* Goal of the exercise *
What lines below contain the string "IFCLOCALPLACEMENT"? List them all.

* Source material *
* * * * * * * * *

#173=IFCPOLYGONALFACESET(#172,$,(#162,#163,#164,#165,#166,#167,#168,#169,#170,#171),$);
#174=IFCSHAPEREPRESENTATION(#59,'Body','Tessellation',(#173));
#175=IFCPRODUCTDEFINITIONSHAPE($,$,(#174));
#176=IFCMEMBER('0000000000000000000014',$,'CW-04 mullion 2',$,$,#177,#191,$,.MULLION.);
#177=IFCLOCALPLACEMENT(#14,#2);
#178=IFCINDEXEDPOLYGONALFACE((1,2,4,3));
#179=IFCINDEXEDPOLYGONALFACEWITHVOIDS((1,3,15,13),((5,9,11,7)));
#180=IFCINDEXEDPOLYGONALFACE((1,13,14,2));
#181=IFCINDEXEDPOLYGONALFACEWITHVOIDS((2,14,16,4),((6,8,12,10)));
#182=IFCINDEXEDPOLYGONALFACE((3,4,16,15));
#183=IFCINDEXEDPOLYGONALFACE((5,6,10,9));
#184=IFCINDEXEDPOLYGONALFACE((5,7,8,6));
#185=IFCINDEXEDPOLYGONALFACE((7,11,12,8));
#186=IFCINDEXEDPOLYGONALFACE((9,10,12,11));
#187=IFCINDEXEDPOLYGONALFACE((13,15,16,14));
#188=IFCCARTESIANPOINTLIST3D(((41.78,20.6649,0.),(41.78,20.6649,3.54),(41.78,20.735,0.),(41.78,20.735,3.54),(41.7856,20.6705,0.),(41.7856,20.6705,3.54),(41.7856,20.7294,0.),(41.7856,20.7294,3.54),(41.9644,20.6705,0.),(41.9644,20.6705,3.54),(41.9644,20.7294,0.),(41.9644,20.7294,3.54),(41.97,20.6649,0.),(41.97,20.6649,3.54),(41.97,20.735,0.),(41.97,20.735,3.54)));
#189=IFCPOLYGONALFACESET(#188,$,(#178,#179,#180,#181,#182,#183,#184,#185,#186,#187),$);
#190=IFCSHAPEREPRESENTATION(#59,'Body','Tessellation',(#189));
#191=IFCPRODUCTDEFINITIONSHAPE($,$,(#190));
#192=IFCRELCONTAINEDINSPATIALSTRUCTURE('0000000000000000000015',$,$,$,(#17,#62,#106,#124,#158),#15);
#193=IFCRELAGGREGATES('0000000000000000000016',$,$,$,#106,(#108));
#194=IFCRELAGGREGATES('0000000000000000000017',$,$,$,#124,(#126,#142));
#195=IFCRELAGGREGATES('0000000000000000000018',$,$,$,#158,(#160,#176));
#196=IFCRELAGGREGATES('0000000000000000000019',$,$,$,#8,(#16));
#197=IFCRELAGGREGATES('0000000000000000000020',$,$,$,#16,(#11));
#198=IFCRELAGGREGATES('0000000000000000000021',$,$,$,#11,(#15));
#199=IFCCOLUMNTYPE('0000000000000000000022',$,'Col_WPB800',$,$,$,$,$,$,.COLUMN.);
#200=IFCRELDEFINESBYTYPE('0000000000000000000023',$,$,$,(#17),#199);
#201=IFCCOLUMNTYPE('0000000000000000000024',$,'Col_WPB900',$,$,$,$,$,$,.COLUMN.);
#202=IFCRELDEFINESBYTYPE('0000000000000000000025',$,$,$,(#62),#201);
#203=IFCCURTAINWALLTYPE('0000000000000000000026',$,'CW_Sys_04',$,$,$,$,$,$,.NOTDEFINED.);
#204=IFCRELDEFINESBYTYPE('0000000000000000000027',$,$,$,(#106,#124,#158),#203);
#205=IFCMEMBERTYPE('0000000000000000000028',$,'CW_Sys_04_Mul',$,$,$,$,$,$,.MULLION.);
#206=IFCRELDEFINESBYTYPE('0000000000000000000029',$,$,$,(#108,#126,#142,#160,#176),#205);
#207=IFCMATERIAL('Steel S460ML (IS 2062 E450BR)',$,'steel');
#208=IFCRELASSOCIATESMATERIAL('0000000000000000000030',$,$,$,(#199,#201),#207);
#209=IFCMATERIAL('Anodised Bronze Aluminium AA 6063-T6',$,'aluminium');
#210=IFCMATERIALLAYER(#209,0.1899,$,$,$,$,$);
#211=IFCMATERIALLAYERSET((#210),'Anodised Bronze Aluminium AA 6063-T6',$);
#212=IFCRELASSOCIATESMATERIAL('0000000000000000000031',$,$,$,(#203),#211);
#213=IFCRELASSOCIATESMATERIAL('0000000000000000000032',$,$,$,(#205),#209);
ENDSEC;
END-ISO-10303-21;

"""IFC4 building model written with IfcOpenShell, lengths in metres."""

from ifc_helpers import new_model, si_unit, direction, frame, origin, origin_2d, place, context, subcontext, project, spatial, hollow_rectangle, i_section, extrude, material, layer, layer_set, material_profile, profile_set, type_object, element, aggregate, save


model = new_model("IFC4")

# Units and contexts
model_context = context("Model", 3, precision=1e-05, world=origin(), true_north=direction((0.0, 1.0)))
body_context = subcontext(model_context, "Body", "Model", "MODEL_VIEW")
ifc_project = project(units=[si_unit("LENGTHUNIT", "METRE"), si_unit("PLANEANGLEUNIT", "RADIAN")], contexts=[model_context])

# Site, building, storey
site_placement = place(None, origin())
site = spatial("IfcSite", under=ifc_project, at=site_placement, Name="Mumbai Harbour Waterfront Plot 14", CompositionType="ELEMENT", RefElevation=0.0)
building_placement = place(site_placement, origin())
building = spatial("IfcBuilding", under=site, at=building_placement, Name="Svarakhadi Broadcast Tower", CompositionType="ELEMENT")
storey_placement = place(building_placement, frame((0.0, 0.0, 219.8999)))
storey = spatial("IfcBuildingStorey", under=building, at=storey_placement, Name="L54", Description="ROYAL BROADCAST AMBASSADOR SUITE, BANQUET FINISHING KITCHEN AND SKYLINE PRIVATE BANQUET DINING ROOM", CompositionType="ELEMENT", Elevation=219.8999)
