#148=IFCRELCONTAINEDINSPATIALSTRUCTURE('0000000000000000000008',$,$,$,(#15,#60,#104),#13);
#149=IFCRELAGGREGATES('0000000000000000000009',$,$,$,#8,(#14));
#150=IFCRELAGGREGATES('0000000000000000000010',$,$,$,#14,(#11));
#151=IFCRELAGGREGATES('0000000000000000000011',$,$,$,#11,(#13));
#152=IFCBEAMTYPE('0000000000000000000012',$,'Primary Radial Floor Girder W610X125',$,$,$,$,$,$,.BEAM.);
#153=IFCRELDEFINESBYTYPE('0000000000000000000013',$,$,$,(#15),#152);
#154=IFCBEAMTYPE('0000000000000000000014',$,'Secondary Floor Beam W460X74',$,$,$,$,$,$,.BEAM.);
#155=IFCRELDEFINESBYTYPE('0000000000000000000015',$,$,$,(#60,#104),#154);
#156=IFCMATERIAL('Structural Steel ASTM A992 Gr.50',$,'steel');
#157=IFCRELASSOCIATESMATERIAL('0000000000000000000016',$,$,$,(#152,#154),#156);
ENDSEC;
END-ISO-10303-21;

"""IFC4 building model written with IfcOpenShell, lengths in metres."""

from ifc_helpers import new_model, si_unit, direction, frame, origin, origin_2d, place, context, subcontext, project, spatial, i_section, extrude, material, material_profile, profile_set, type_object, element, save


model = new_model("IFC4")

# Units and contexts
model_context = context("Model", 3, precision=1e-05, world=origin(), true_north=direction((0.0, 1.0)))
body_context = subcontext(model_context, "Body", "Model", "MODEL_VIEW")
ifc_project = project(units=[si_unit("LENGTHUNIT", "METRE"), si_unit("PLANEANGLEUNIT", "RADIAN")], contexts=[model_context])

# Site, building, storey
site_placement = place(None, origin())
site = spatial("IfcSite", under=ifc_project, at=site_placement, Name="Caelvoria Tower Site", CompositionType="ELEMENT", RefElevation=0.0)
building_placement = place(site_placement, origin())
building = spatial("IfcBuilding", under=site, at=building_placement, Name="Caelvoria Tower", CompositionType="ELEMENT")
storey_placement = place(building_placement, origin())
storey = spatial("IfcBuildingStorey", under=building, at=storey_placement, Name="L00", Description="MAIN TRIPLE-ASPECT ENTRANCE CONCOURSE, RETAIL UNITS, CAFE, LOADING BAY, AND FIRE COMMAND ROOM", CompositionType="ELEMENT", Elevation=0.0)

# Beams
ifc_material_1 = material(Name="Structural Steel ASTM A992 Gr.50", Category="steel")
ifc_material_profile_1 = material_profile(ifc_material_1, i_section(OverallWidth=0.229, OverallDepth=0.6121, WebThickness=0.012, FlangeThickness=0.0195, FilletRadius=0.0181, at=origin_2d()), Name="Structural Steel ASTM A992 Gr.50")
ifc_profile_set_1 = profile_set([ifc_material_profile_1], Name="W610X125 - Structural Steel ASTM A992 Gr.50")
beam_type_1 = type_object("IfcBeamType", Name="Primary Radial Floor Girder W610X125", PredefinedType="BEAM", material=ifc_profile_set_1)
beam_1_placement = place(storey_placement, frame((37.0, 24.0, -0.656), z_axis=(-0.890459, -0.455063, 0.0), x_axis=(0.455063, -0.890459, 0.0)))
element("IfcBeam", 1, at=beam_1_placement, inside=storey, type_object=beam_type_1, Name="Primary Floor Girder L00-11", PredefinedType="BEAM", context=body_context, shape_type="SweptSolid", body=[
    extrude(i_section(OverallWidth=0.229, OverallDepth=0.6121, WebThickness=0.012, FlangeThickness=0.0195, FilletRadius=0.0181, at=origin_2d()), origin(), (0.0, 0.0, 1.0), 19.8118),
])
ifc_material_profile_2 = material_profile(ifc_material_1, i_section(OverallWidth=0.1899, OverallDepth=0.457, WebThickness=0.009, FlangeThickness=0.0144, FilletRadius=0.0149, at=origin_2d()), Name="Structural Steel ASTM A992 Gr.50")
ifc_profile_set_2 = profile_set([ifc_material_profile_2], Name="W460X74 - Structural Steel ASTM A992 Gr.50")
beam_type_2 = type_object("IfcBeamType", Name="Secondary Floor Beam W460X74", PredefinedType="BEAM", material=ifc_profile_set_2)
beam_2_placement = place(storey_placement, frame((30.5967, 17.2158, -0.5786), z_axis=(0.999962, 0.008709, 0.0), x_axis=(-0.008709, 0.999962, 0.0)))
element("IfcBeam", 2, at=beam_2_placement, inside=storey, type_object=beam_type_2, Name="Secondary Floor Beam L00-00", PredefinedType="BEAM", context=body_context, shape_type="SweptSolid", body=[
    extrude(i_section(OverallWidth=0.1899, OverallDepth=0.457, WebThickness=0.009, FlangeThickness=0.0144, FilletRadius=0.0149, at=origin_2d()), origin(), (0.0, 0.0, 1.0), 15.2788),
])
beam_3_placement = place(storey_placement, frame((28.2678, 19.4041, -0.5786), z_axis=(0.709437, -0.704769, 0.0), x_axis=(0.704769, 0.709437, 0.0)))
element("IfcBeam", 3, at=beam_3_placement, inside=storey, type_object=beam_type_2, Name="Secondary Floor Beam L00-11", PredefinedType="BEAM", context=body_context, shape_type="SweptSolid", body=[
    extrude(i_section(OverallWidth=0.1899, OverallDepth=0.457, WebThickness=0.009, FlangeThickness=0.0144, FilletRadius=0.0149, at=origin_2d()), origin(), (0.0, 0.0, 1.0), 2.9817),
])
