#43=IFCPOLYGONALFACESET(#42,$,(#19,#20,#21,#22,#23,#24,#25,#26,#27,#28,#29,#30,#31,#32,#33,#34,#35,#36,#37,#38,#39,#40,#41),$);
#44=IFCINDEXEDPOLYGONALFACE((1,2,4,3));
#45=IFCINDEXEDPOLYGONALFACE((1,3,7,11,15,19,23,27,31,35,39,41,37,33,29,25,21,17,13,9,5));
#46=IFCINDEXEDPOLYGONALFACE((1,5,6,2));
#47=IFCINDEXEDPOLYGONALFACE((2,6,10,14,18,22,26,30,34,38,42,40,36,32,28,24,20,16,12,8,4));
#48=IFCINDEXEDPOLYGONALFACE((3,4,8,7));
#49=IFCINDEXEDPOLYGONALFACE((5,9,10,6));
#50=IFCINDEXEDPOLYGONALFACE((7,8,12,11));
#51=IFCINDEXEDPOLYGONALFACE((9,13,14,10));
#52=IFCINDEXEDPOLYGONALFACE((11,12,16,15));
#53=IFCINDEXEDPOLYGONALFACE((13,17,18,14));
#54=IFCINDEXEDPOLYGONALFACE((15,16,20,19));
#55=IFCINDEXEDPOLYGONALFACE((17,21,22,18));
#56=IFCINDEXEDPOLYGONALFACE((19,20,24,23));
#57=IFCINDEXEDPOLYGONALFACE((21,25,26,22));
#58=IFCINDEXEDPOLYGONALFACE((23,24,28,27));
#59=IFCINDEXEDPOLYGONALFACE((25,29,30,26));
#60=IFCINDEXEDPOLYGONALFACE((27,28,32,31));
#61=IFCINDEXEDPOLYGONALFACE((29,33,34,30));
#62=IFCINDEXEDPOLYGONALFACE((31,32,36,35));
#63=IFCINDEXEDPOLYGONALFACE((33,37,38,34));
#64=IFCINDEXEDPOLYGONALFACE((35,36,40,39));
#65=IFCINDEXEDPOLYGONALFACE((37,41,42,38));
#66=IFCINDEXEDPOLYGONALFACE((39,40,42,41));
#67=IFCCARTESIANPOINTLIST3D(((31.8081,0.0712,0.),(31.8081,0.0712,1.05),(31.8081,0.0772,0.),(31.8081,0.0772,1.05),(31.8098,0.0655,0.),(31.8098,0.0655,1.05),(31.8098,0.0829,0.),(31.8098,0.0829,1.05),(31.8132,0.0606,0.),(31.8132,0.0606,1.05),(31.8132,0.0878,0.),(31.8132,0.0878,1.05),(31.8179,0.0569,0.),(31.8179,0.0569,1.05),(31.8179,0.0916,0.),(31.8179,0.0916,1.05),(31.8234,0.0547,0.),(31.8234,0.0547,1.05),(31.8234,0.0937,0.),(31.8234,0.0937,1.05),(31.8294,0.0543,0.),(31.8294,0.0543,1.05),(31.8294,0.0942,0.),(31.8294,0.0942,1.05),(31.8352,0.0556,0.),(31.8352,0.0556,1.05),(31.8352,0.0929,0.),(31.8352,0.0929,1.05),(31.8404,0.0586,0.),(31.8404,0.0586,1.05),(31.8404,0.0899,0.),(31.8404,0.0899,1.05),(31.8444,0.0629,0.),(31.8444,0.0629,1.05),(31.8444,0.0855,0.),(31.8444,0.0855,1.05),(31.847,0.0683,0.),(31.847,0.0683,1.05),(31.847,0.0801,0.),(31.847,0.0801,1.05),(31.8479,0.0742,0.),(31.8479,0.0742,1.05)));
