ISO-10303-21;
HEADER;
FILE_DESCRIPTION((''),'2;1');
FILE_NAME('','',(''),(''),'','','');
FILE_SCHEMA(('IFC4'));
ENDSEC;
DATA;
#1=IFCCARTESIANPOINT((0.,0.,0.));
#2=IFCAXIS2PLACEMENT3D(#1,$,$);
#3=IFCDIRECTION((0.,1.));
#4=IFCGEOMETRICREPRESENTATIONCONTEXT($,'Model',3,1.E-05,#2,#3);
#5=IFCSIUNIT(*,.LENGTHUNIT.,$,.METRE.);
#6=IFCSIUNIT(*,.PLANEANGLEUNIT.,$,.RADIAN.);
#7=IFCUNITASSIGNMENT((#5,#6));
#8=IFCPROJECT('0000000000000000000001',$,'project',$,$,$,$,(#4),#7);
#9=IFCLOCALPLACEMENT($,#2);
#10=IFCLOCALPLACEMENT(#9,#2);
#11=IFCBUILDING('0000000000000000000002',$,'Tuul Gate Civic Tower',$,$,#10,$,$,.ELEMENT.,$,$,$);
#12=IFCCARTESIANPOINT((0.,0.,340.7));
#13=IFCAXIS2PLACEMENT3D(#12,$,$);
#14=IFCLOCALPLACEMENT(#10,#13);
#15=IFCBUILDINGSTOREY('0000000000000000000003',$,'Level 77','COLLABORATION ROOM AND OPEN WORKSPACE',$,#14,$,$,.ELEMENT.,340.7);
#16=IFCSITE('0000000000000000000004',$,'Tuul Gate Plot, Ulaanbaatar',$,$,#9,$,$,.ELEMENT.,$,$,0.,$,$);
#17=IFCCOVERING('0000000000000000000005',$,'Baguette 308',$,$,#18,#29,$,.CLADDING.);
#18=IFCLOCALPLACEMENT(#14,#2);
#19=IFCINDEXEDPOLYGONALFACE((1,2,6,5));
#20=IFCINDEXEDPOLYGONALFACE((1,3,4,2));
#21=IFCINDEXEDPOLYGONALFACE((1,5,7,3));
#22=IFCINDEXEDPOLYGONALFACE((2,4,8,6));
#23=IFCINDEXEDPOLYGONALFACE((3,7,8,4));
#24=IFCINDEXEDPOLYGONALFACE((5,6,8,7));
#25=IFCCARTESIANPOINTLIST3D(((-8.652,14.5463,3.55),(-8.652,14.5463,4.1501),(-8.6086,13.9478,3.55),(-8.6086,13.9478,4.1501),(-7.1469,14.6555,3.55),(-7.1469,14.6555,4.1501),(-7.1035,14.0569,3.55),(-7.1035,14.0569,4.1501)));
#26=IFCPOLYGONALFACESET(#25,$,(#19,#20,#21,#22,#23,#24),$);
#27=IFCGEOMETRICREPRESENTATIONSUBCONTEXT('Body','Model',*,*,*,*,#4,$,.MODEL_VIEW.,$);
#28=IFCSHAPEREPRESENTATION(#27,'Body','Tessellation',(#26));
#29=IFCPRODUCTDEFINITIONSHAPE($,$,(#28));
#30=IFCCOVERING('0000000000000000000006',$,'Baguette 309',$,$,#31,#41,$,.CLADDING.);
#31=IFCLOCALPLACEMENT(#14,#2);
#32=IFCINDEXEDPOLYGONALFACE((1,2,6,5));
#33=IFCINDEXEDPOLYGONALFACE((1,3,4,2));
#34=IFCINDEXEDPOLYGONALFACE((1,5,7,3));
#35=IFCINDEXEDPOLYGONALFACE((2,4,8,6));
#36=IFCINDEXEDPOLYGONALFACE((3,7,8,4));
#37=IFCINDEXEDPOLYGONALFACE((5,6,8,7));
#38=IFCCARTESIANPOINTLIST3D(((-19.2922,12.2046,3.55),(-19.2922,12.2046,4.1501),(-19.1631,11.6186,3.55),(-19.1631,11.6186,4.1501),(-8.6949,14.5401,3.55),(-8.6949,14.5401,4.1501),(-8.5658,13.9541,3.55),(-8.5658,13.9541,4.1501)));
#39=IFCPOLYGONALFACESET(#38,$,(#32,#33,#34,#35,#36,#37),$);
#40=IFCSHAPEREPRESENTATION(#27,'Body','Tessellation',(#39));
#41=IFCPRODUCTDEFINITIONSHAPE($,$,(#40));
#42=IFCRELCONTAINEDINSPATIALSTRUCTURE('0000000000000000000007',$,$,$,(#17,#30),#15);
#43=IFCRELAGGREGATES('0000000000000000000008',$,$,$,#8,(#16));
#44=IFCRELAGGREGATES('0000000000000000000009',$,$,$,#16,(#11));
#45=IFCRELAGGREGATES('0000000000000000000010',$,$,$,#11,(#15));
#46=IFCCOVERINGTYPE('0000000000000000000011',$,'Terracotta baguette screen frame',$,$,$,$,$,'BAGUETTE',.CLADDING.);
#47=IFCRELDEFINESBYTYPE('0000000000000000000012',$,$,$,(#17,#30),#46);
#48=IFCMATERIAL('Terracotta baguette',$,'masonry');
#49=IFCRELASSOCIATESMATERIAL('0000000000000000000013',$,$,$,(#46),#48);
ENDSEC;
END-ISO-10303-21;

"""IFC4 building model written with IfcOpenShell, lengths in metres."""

from ifc_helpers import new_model, si_unit, direction, frame, origin, origin_2d, place, context, subcontext, project, spatial, rectangle, extrude, material, material_profile, profile_set, type_object, element, save


model = new_model("IFC4")

# Units and contexts
model_context = context("Model", 3, precision=1e-05, world=origin(), true_north=direction((0.0, 1.0)))
body_context = subcontext(model_context, "Body", "Model", "MODEL_VIEW")
ifc_project = project(units=[si_unit("LENGTHUNIT", "METRE"), si_unit("PLANEANGLEUNIT", "RADIAN")], contexts=[model_context])

# Site, building, storey
site_placement = place(None, origin())
site = spatial("IfcSite", under=ifc_project, at=site_placement, Name="Tuul Gate Plot, Ulaanbaatar", CompositionType="ELEMENT", RefElevation=0.0)
building_placement = place(site_placement, origin())
building = spatial("IfcBuilding", under=site, at=building_placement, Name="Tuul Gate Civic Tower", CompositionType="ELEMENT")
storey_placement = place(building_placement, frame((0.0, 0.0, 340.7)))
storey = spatial("IfcBuildingStorey", under=building, at=storey_placement, Name="Level 77", Description="COLLABORATION ROOM AND OPEN WORKSPACE", CompositionType="ELEMENT", Elevation=340.7)

# Coverings
ifc_material_1 = material(Name="Terracotta baguette", Category="masonry")
ifc_material_profile_1 = material_profile(ifc_material_1, rectangle(XDim=0.6001, YDim=0.6001, at=origin_2d()), Name="Terracotta baguette screen frame")
ifc_profile_set_1 = profile_set([ifc_material_profile_1], Name="Terracotta baguette")
covering_type = type_object("IfcCoveringType", Name="Terracotta baguette screen frame", ElementType="BAGUETTE", PredefinedType="CLADDING", material=ifc_profile_set_1)
covering_1_placement = place(storey_placement, frame((-7.1252, 14.3562, 3.8501), z_axis=(-0.997382, -0.072316, 0.0), x_axis=(0.072316, -0.997382, 0.0)))
element("IfcCovering", 1, at=covering_1_placement, inside=storey, type_object=covering_type, Name="Baguette 308", PredefinedType="CLADDING", context=body_context, shape_type="SweptSolid", body=[
    extrude(rectangle(XDim=0.6001, YDim=0.6001, at=origin_2d()), origin(), (0.0, 0.0, 1.0), 1.509),
])
covering_2_placement = place(storey_placement, frame((-8.6304, 14.2471, 3.8501), z_axis=(-0.976566, -0.21522, 0.0), x_axis=(0.21522, -0.976566, 0.0)))
element("IfcCovering", 2, at=covering_2_placement, inside=storey, type_object=covering_type, Name="Baguette 309", PredefinedType="CLADDING", context=body_context, shape_type="SweptSolid", body=[
    extrude(rectangle(XDim=0.6001, YDim=0.6001, at=origin_2d()), origin(), (0.0, 0.0, 1.0), 10.8516),
])

save(model, "model.ifc")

* * * * * * * * *

* Answer box *
#177=IFCLOCALPLACEMENT(#14,#2);
#9=IFCLOCALPLACEMENT($,#2);
#10=IFCLOCALPLACEMENT(#9,#2);
#14=IFCLOCALPLACEMENT(#10,#13);
#18=IFCLOCALPLACEMENT(#14,#2);
#31=IFCLOCALPLACEMENT(#14,#2);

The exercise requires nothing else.